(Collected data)
=== Section Start ===

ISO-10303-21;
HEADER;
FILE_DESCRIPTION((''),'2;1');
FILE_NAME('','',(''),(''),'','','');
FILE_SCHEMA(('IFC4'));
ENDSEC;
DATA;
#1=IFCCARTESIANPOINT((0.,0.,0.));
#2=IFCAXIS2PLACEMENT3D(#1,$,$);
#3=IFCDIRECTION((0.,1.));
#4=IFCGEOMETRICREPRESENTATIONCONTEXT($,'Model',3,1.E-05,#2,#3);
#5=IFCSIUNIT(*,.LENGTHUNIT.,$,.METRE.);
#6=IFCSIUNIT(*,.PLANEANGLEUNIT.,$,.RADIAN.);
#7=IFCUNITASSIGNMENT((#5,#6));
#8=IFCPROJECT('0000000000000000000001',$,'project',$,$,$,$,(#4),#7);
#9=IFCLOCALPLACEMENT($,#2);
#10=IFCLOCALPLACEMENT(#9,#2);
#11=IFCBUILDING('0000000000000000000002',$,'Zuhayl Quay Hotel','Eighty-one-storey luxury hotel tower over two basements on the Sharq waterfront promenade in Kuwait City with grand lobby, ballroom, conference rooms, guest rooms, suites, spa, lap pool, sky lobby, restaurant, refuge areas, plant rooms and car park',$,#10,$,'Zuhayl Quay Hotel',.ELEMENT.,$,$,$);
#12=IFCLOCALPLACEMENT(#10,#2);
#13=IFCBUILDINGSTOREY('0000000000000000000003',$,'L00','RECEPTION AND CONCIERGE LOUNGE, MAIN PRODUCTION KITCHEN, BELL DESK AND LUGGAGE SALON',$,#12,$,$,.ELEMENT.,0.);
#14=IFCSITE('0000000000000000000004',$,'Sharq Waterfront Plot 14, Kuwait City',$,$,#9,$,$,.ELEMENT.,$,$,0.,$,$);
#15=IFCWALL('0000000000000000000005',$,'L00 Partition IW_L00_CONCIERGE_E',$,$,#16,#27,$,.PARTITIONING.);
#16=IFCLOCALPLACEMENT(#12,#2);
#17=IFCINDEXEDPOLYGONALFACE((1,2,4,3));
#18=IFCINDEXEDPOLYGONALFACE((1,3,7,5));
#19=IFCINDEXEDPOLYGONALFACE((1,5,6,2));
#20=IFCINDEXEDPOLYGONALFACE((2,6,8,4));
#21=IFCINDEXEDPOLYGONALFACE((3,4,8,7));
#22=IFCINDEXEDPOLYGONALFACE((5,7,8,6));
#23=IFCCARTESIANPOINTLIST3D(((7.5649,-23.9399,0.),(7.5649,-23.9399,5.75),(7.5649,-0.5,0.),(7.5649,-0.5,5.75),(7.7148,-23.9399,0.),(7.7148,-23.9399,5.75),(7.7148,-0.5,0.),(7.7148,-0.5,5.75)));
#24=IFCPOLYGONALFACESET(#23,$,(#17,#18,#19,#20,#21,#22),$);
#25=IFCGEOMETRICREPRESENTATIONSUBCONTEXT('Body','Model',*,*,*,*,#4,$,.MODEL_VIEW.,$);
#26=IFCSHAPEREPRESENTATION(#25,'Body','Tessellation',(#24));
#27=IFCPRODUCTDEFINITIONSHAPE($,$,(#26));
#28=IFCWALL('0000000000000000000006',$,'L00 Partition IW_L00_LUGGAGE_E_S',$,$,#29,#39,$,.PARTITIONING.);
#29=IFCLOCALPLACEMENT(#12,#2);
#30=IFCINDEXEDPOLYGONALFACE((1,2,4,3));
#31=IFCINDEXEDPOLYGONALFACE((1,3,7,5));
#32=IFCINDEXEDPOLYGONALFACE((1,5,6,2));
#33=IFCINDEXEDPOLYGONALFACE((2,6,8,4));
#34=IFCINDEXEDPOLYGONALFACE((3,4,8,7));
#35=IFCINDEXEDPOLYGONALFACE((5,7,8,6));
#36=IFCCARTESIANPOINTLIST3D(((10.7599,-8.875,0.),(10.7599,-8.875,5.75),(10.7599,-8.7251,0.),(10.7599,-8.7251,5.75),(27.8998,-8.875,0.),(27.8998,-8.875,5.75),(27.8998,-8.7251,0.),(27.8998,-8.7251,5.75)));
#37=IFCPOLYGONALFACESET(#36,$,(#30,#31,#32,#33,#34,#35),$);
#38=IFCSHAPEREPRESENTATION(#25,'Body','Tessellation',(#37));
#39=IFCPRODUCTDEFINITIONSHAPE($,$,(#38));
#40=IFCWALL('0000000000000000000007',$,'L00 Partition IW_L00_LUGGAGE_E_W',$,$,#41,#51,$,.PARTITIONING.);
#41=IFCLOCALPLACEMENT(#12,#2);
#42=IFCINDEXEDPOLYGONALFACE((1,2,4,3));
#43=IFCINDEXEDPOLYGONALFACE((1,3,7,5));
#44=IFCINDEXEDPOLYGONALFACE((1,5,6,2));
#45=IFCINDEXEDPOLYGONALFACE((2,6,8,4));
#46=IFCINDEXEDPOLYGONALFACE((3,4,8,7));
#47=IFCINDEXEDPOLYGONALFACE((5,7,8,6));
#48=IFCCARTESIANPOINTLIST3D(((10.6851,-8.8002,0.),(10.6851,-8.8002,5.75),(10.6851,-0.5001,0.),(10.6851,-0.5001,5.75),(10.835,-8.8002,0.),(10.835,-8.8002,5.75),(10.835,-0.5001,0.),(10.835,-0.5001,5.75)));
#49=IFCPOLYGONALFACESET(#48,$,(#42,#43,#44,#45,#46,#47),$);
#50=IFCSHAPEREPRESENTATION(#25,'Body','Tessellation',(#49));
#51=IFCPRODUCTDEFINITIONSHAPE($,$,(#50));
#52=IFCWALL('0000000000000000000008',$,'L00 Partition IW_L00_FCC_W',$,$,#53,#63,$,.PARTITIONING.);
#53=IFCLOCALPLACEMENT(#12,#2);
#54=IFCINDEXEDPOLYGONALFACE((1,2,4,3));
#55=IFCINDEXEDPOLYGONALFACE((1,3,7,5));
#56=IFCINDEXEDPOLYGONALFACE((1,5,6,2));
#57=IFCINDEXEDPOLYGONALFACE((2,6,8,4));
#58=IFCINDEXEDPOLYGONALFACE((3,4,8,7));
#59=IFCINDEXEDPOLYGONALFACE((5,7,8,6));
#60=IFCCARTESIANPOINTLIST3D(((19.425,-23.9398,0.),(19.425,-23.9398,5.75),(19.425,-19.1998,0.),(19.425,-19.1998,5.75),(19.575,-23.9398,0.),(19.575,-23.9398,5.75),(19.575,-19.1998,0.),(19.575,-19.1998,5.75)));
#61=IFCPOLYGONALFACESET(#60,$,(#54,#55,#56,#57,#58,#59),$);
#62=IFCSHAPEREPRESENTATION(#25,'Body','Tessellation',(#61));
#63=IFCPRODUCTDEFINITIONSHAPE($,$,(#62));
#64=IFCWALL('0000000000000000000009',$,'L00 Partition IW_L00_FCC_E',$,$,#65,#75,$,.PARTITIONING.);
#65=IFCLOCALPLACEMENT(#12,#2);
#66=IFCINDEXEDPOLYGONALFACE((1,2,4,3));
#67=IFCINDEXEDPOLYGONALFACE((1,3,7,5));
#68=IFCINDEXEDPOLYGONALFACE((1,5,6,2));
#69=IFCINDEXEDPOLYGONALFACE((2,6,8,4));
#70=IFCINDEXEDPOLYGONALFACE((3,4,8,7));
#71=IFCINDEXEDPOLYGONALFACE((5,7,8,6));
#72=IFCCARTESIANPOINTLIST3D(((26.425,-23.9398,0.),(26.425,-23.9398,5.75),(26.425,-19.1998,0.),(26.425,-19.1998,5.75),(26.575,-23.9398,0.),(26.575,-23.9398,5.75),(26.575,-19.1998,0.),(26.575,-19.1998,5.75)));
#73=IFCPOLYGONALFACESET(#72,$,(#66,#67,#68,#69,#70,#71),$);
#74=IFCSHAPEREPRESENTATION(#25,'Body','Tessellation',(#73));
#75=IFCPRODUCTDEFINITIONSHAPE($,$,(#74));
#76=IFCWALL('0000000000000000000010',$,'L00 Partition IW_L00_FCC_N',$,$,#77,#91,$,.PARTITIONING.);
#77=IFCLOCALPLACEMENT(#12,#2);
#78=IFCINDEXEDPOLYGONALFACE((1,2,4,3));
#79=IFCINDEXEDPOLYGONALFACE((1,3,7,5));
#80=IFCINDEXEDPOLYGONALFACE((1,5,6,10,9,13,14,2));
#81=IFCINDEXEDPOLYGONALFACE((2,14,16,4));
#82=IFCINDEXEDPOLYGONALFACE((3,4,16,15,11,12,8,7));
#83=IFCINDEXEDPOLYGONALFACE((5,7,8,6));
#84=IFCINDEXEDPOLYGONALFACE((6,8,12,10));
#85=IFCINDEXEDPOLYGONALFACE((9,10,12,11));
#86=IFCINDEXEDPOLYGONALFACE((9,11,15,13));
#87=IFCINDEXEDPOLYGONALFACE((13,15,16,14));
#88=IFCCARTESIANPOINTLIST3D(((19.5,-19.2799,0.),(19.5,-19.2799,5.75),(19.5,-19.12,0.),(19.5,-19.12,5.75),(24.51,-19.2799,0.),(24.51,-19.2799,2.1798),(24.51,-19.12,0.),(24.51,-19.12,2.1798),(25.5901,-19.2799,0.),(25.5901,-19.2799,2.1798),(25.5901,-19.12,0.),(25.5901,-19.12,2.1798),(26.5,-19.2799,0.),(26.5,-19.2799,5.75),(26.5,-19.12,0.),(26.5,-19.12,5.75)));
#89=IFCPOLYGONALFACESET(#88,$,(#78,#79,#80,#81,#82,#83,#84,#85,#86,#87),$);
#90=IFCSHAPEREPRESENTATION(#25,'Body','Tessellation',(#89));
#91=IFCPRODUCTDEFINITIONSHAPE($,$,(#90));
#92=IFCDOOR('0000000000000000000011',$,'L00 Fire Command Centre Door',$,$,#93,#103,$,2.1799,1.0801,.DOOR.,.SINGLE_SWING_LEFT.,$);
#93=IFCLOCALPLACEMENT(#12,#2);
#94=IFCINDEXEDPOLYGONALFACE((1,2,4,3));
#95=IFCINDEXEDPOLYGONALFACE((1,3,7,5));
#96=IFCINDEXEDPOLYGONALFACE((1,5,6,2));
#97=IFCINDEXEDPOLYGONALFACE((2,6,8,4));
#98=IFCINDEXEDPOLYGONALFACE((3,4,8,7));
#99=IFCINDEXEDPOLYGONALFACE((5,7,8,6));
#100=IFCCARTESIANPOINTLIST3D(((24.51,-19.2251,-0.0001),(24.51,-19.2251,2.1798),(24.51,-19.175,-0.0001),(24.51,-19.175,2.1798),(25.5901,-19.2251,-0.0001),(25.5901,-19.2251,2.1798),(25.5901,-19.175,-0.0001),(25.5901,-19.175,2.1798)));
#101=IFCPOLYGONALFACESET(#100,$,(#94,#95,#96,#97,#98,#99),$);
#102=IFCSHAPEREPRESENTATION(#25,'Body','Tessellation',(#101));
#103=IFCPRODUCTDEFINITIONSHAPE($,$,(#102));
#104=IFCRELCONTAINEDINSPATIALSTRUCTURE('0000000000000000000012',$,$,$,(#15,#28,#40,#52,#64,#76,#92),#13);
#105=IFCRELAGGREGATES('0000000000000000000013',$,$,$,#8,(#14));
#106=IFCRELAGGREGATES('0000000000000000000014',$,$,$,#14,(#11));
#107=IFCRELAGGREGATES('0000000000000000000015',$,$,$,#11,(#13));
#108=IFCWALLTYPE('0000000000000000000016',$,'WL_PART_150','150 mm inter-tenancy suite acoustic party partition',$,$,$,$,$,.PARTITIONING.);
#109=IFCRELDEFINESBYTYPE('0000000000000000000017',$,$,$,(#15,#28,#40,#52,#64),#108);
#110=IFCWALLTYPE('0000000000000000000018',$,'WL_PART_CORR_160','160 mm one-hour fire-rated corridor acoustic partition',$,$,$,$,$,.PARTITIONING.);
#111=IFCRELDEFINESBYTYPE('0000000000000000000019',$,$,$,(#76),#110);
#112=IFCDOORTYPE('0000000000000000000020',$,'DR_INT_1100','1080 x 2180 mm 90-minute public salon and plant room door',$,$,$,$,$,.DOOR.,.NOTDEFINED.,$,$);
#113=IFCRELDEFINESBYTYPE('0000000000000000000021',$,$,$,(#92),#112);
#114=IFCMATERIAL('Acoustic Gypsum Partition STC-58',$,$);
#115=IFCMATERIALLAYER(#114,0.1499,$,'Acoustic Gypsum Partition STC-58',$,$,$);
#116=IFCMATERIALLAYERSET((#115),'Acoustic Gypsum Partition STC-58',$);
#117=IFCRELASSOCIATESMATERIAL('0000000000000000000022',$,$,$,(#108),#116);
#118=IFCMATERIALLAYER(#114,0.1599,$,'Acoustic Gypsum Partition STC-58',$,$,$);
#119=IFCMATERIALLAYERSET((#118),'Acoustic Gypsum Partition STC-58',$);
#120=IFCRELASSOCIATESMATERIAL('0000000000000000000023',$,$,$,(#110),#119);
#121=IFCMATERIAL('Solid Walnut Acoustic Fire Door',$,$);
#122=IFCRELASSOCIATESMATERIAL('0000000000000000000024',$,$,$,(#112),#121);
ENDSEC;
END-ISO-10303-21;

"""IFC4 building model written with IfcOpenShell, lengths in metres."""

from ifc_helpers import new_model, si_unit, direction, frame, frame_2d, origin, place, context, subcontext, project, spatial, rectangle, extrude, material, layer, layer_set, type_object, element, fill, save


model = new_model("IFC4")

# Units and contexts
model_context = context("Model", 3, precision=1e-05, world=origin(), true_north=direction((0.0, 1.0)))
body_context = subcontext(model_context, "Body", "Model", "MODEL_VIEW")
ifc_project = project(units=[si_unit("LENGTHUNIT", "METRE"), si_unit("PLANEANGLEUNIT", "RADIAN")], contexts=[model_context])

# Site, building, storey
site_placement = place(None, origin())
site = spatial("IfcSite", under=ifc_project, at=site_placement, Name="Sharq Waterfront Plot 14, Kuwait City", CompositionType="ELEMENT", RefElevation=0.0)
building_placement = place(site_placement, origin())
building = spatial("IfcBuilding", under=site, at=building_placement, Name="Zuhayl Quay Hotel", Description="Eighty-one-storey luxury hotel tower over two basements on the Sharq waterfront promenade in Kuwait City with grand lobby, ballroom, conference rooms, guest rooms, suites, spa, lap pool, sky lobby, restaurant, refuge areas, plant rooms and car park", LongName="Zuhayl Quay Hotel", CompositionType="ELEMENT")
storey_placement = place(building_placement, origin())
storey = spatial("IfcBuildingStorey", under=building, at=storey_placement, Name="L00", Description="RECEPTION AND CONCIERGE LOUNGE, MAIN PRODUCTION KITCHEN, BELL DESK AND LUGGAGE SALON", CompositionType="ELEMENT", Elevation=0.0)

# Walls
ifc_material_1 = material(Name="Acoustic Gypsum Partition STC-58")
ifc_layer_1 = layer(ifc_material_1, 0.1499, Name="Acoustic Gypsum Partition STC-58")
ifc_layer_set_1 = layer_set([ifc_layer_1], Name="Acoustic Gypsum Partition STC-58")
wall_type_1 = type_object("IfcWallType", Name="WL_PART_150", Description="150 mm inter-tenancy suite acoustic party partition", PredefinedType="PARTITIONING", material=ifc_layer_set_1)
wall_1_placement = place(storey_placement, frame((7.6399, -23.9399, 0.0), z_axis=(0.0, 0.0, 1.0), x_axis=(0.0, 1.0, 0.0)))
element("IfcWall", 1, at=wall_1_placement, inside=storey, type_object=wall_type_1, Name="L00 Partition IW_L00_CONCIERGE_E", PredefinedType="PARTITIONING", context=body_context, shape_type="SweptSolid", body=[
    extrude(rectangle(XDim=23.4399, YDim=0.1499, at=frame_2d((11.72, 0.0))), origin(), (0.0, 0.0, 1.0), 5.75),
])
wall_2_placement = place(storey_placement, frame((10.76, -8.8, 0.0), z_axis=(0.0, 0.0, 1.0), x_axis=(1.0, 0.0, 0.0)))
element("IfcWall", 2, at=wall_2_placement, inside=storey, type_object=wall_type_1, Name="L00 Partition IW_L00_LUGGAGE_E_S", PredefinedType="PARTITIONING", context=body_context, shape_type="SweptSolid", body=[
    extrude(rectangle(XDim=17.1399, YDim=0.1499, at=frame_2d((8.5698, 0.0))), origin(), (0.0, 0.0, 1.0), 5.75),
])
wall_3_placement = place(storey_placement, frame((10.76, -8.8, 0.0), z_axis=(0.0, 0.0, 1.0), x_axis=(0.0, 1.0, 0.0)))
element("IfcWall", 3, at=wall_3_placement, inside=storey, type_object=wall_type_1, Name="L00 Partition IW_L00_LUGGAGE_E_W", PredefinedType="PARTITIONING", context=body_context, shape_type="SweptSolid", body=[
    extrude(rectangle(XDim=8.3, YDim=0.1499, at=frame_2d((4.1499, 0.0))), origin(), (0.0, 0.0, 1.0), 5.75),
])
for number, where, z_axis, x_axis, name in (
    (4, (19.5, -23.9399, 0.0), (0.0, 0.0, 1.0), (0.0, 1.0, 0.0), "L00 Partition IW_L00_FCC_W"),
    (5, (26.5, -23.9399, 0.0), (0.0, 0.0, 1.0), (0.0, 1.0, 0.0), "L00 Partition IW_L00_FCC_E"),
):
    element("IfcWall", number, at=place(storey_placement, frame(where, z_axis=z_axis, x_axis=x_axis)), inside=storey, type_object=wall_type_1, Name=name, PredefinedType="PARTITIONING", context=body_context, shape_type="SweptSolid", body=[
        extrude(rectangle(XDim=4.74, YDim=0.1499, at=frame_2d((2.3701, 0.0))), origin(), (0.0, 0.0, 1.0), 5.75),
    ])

=== Section End ===

__TASK TO COMPLETE__.
Copy each line above where "IFCPOLYGONALFACESET" appears.

__SOLUTION TO THE EXERCISE__.
#24=IFCPOLYGONALFACESET(#23,$,(#17,#18,#19,#20,#21,#22),$);
#37=IFCPOLYGONALFACESET(#36,$,(#30,#31,#32,#33,#34,#35),$);
#49=IFCPOLYGONALFACESET(#48,$,(#42,#43,#44,#45,#46,#47),$);
#61=IFCPOLYGONALFACESET(#60,$,(#54,#55,#56,#57,#58,#59),$);
#73=IFCPOLYGONALFACESET(#72,$,(#66,#67,#68,#69,#70,#71),$);
#89=IFCPOLYGONALFACESET(#88,$,(#78,#79,#80,#81,#82,#83,#84,#85,#86,#87),$);
#101=IFCPOLYGONALFACESET(#100,$,(#94,#95,#96,#97,#98,#99),$);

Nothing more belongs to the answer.